Task objective –
Your task is to copy the lines of the data below from the line holding "#79=IFCINDEXEDPOLYGONALFACE((15,16,20,19));" through the line holding "#90=IFCINDEXEDPOLYGONALFACE((37,41,42,38));", inclusive, exactly and with nothing added.

#### Working data

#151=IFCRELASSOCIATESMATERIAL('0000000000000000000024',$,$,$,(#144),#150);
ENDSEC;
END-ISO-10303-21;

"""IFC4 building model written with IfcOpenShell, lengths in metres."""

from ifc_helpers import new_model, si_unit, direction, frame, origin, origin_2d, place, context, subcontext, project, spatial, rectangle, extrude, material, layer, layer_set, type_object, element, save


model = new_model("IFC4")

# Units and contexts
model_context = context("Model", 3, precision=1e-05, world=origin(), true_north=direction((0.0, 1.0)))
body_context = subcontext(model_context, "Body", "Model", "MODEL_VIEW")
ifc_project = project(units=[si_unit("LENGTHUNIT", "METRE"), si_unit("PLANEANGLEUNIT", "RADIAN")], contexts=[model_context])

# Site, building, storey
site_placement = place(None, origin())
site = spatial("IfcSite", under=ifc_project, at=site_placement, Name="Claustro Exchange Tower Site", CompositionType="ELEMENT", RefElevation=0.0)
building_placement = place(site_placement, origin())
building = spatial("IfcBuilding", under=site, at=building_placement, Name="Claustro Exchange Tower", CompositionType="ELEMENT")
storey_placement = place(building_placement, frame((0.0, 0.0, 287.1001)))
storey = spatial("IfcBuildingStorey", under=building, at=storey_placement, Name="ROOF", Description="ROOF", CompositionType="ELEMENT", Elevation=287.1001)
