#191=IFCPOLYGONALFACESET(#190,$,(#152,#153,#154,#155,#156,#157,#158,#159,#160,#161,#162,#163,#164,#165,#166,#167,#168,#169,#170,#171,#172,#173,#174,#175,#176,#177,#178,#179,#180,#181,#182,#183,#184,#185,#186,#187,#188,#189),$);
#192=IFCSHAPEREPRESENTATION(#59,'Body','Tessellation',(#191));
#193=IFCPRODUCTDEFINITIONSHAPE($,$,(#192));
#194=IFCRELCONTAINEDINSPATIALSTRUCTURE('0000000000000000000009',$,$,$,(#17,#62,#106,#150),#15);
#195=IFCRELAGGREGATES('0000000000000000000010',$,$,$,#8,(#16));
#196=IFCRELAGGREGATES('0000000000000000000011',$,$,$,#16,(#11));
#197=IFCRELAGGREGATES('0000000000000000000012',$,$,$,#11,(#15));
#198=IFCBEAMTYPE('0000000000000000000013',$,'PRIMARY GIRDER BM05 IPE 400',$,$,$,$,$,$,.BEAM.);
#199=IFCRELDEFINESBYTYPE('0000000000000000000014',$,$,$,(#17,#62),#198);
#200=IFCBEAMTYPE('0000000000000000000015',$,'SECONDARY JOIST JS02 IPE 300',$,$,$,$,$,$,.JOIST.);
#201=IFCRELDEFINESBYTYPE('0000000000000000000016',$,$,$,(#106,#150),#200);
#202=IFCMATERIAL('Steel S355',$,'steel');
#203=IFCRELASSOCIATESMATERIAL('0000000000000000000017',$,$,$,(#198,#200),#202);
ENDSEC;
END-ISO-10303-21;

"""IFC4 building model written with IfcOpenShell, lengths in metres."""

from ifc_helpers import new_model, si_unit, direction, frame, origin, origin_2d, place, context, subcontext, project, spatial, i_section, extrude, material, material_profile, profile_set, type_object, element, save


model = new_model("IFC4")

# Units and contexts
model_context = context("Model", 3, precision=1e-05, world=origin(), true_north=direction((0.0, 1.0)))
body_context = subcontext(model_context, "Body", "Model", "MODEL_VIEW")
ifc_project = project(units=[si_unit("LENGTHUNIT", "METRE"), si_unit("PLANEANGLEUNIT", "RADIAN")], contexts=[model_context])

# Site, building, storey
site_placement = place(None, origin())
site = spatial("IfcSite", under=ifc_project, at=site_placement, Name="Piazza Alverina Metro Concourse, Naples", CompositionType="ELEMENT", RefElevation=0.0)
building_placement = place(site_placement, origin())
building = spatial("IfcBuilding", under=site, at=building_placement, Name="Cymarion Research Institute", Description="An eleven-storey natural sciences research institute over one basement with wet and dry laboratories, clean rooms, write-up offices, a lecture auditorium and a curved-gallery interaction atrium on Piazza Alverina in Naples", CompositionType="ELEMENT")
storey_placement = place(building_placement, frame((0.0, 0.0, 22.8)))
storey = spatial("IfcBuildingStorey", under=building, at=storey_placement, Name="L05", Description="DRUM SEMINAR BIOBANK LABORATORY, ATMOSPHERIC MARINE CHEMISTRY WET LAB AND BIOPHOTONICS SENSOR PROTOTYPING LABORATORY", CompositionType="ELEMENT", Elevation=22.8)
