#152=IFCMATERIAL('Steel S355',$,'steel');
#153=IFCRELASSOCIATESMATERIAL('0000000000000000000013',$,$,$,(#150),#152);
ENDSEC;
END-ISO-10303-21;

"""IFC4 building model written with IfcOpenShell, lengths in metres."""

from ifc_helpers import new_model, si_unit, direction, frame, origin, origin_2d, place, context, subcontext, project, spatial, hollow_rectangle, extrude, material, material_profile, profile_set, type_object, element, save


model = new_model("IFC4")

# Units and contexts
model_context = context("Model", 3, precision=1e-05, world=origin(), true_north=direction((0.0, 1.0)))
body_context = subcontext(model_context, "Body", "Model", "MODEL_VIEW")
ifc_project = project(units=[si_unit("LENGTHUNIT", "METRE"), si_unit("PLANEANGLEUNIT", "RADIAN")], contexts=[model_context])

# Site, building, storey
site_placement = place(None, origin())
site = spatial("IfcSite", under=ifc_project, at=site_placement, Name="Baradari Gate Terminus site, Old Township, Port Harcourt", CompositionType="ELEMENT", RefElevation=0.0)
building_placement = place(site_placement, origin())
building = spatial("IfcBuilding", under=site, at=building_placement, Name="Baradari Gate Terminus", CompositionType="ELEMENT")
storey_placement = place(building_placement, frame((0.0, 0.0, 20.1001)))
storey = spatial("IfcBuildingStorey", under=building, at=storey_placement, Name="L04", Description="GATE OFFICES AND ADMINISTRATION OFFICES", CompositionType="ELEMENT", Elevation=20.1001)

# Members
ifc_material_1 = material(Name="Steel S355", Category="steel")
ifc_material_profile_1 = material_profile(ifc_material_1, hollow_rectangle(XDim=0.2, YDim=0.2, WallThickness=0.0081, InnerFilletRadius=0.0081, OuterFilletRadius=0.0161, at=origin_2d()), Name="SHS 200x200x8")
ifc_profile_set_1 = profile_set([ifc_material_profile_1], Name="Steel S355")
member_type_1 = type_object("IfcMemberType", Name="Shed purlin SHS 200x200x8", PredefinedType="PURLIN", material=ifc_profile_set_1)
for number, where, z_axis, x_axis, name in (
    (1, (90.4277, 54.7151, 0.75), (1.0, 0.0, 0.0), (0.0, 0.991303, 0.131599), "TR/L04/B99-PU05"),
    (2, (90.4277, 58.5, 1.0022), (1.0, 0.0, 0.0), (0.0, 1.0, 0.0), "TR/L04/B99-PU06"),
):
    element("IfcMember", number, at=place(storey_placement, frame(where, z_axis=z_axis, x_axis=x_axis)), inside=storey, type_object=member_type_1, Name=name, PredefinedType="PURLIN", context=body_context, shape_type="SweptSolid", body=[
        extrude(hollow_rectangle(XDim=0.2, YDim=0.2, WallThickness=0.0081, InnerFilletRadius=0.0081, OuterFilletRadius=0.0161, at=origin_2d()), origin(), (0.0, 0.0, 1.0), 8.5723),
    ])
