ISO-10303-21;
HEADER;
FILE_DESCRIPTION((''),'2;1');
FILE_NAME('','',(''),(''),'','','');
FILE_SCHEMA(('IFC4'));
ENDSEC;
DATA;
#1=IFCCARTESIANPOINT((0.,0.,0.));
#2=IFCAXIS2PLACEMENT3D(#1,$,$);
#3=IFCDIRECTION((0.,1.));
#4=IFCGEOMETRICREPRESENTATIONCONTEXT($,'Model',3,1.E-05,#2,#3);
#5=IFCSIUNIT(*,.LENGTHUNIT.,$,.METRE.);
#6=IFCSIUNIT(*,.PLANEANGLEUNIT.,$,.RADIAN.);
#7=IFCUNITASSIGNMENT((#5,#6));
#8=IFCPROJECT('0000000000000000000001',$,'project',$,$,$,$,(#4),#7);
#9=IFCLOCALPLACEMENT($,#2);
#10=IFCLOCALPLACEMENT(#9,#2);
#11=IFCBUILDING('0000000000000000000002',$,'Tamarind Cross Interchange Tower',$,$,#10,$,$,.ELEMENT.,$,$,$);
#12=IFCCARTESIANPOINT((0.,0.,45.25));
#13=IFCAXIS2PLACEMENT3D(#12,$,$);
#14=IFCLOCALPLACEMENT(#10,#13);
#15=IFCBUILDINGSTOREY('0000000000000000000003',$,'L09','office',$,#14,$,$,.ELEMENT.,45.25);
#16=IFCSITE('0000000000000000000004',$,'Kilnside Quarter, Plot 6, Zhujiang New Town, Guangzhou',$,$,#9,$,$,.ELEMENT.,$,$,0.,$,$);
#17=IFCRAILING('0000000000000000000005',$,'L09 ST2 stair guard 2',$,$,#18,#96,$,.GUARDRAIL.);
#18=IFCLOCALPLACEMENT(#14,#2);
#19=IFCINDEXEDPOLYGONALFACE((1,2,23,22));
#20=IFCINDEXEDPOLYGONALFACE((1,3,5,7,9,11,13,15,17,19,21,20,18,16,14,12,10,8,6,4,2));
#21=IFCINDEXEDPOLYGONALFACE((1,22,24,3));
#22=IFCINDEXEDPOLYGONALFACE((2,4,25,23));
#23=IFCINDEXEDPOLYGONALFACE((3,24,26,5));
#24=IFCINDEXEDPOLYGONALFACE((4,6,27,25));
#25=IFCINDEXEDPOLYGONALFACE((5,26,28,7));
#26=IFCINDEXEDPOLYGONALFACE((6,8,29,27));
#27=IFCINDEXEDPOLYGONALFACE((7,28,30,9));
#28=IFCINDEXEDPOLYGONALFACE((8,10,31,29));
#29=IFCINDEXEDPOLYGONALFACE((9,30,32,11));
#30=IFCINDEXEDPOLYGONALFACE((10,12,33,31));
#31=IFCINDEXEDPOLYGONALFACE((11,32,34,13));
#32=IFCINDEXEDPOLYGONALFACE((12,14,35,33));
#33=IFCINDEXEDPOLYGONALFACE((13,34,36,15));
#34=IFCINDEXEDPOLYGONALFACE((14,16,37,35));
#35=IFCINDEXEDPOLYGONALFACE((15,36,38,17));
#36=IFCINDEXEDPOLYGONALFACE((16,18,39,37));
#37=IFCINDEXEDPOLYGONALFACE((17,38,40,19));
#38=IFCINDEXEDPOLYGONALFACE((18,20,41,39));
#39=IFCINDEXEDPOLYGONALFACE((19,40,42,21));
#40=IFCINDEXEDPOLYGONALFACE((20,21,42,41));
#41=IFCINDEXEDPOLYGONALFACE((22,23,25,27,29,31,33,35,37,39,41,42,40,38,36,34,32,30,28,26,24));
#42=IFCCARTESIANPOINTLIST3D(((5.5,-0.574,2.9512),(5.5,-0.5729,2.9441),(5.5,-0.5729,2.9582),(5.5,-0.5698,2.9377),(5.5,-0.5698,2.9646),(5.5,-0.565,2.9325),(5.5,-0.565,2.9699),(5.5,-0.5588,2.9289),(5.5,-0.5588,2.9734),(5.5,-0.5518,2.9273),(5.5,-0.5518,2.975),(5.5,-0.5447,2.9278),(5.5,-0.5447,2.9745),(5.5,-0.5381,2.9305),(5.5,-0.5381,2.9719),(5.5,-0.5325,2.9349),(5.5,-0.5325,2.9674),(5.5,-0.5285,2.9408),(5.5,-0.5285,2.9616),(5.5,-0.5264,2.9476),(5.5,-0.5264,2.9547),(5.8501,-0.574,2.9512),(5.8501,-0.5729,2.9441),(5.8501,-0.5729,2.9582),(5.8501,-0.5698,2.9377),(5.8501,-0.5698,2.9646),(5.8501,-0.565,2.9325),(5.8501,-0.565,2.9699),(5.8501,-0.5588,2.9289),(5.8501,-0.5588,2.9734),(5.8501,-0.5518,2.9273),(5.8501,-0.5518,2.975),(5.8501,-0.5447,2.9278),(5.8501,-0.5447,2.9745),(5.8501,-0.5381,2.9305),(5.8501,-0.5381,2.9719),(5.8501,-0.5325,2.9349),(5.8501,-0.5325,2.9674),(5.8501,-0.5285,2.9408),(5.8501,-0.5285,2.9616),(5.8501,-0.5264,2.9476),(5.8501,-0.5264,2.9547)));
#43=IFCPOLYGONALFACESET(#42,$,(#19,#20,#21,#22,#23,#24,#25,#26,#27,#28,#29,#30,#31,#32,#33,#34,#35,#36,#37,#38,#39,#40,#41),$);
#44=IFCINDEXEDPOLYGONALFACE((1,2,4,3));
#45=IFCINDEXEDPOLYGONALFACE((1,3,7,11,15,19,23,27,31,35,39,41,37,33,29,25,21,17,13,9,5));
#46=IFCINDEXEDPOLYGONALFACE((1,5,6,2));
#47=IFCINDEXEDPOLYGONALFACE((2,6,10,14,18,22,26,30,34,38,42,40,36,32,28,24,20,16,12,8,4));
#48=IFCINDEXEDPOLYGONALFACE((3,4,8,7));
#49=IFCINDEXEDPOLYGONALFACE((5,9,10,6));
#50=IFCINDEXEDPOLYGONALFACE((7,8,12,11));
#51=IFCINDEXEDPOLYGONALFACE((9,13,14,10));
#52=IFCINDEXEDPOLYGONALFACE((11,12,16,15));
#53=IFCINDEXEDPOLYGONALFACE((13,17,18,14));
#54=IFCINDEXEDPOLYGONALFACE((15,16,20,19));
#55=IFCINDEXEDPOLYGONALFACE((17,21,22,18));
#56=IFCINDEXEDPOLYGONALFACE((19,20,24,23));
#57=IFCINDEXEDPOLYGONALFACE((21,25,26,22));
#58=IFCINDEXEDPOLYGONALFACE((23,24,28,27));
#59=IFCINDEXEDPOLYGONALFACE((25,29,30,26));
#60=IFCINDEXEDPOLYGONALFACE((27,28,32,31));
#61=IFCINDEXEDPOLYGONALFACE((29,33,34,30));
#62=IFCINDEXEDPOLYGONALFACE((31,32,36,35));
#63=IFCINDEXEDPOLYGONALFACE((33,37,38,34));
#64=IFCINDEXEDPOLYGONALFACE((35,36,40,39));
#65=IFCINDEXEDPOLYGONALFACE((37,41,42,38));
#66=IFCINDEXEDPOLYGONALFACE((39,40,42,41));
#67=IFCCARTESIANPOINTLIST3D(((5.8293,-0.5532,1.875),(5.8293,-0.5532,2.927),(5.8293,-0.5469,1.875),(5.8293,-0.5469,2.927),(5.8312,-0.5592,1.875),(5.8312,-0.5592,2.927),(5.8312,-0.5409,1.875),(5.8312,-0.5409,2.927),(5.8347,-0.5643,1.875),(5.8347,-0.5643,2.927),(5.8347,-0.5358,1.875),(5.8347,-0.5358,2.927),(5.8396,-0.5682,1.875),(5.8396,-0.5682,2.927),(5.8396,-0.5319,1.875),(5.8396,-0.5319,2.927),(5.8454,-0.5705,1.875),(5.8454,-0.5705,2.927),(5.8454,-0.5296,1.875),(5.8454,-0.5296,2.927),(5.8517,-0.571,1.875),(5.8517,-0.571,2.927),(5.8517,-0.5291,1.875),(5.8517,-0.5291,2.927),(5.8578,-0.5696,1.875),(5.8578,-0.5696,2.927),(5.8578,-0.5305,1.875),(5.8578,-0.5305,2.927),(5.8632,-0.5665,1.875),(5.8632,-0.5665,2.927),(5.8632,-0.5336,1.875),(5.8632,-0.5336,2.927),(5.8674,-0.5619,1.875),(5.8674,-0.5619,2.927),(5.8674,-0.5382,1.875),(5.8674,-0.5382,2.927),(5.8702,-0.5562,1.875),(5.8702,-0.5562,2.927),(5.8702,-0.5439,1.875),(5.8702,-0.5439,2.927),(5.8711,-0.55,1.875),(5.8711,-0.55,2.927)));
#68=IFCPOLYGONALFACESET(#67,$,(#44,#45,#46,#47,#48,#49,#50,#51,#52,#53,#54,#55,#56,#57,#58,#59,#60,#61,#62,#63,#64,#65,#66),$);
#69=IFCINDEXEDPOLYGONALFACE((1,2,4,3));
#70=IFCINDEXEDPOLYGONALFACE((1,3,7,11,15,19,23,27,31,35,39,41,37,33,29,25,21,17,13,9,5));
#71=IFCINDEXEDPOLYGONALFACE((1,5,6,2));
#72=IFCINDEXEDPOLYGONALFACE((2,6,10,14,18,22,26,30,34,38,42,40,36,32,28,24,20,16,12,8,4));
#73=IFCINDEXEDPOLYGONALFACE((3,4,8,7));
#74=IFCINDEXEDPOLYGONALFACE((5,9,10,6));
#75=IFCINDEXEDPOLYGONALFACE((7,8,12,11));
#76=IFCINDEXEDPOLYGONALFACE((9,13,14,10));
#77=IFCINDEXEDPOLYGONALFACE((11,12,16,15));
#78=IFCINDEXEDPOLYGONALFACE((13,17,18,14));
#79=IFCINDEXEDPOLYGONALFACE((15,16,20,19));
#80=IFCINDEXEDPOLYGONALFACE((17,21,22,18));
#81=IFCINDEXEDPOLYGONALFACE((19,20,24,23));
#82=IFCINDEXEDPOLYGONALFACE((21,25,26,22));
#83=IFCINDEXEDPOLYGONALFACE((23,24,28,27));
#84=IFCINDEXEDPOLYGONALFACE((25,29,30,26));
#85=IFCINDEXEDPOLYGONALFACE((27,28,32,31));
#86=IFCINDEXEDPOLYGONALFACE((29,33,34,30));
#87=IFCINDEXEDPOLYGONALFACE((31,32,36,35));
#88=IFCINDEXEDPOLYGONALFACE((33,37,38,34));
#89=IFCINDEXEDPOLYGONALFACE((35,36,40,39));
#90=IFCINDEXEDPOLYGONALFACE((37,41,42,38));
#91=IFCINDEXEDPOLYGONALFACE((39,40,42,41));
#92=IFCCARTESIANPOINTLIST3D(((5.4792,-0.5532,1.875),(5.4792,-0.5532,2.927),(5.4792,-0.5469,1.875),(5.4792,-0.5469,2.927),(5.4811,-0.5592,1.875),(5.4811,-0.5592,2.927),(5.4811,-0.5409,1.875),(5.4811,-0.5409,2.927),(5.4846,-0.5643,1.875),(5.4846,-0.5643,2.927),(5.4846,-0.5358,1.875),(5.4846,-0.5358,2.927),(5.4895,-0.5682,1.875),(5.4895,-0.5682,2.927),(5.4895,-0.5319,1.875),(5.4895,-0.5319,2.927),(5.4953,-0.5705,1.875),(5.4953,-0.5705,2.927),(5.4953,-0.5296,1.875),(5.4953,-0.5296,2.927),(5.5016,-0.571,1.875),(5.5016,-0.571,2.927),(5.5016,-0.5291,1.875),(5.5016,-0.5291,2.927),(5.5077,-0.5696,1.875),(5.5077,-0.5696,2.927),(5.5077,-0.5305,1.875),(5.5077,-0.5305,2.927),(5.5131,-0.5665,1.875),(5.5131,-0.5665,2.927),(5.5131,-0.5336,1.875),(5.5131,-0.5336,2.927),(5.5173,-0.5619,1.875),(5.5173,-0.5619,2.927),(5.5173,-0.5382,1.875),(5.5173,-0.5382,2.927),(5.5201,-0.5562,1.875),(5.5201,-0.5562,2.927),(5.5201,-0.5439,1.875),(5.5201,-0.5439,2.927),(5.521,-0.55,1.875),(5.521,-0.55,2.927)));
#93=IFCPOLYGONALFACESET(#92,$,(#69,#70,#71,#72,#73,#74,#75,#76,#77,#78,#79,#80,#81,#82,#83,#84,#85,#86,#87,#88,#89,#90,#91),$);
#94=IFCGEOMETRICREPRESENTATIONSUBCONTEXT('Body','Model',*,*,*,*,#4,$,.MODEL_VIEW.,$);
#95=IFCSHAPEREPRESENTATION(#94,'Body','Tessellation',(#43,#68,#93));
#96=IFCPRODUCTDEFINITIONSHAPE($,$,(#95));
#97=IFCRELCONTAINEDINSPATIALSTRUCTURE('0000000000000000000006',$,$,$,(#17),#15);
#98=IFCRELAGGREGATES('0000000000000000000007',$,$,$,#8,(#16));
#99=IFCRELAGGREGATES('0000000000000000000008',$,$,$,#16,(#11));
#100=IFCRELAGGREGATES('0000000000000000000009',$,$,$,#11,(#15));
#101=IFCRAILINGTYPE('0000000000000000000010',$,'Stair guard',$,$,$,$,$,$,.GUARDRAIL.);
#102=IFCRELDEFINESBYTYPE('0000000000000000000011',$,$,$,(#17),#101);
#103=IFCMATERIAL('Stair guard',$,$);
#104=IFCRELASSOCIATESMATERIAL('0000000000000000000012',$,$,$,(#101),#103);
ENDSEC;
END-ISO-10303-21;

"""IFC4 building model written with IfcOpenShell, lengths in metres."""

from ifc_helpers import new_model, si_unit, direction, frame, origin, origin_2d, place, context, subcontext, project, spatial, circle, extrude, material, type_object, element, save


model = new_model("IFC4")

# Units and contexts
model_context = context("Model", 3, precision=1e-05, world=origin(), true_north=direction((0.0, 1.0)))
body_context = subcontext(model_context, "Body", "Model", "MODEL_VIEW")
ifc_project = project(units=[si_unit("LENGTHUNIT", "METRE"), si_unit("PLANEANGLEUNIT", "RADIAN")], contexts=[model_context])

# Site, building, storey
site_placement = place(None, origin())
site = spatial("IfcSite", under=ifc_project, at=site_placement, Name="Kilnside Quarter, Plot 6, Zhujiang New Town, Guangzhou", CompositionType="ELEMENT", RefElevation=0.0)
building_placement = place(site_placement, origin())
building = spatial("IfcBuilding", under=site, at=building_placement, Name="Tamarind Cross Interchange Tower", CompositionType="ELEMENT")
storey_placement = place(building_placement, frame((0.0, 0.0, 45.25)))
storey = spatial("IfcBuildingStorey", under=building, at=storey_placement, Name="L09", Description="office", CompositionType="ELEMENT", Elevation=45.25)

# Railing
ifc_material_1 = material(Name="Stair guard")
railing_type_1 = type_object("IfcRailingType", Name="Stair guard", PredefinedType="GUARDRAIL", material=ifc_material_1)
railing_1_placement = place(storey_placement, frame((5.8501, -0.55, 1.875)))
element("IfcRailing", 1, at=railing_1_placement, inside=storey, type_object=railing_type_1, Name="L09 ST2 stair guard 2", PredefinedType="GUARDRAIL", context=body_context, shape_type="SweptSolid", body=[
    extrude(circle(Radius=0.0239, at=origin_2d()), frame((0.0, 0.0, 1.0762), z_axis=(-1.0, 0.0, 0.0), x_axis=(0.0, -1.0, 0.0)), (0.0, 0.0, 1.0), 0.3501),
    extrude(circle(Radius=0.021, at=origin_2d()), origin(), (0.0, 0.0, 1.0), 1.052),
    extrude(circle(Radius=0.021, at=origin_2d()), frame((-0.3501, 0.0, 0.0)), (0.0, 0.0, 1.0), 1.052),
])

save(model, "model.ifc")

########

Written reply –
#79=IFCINDEXEDPOLYGONALFACE((15,16,20,19));
#80=IFCINDEXEDPOLYGONALFACE((17,21,22,18));
#81=IFCINDEXEDPOLYGONALFACE((19,20,24,23));
#82=IFCINDEXEDPOLYGONALFACE((21,25,26,22));
#83=IFCINDEXEDPOLYGONALFACE((23,24,28,27));
#84=IFCINDEXEDPOLYGONALFACE((25,29,30,26));
#85=IFCINDEXEDPOLYGONALFACE((27,28,32,31));
#86=IFCINDEXEDPOLYGONALFACE((29,33,34,30));
#87=IFCINDEXEDPOLYGONALFACE((31,32,36,35));
#88=IFCINDEXEDPOLYGONALFACE((33,37,38,34));
#89=IFCINDEXEDPOLYGONALFACE((35,36,40,39));
#90=IFCINDEXEDPOLYGONALFACE((37,41,42,38));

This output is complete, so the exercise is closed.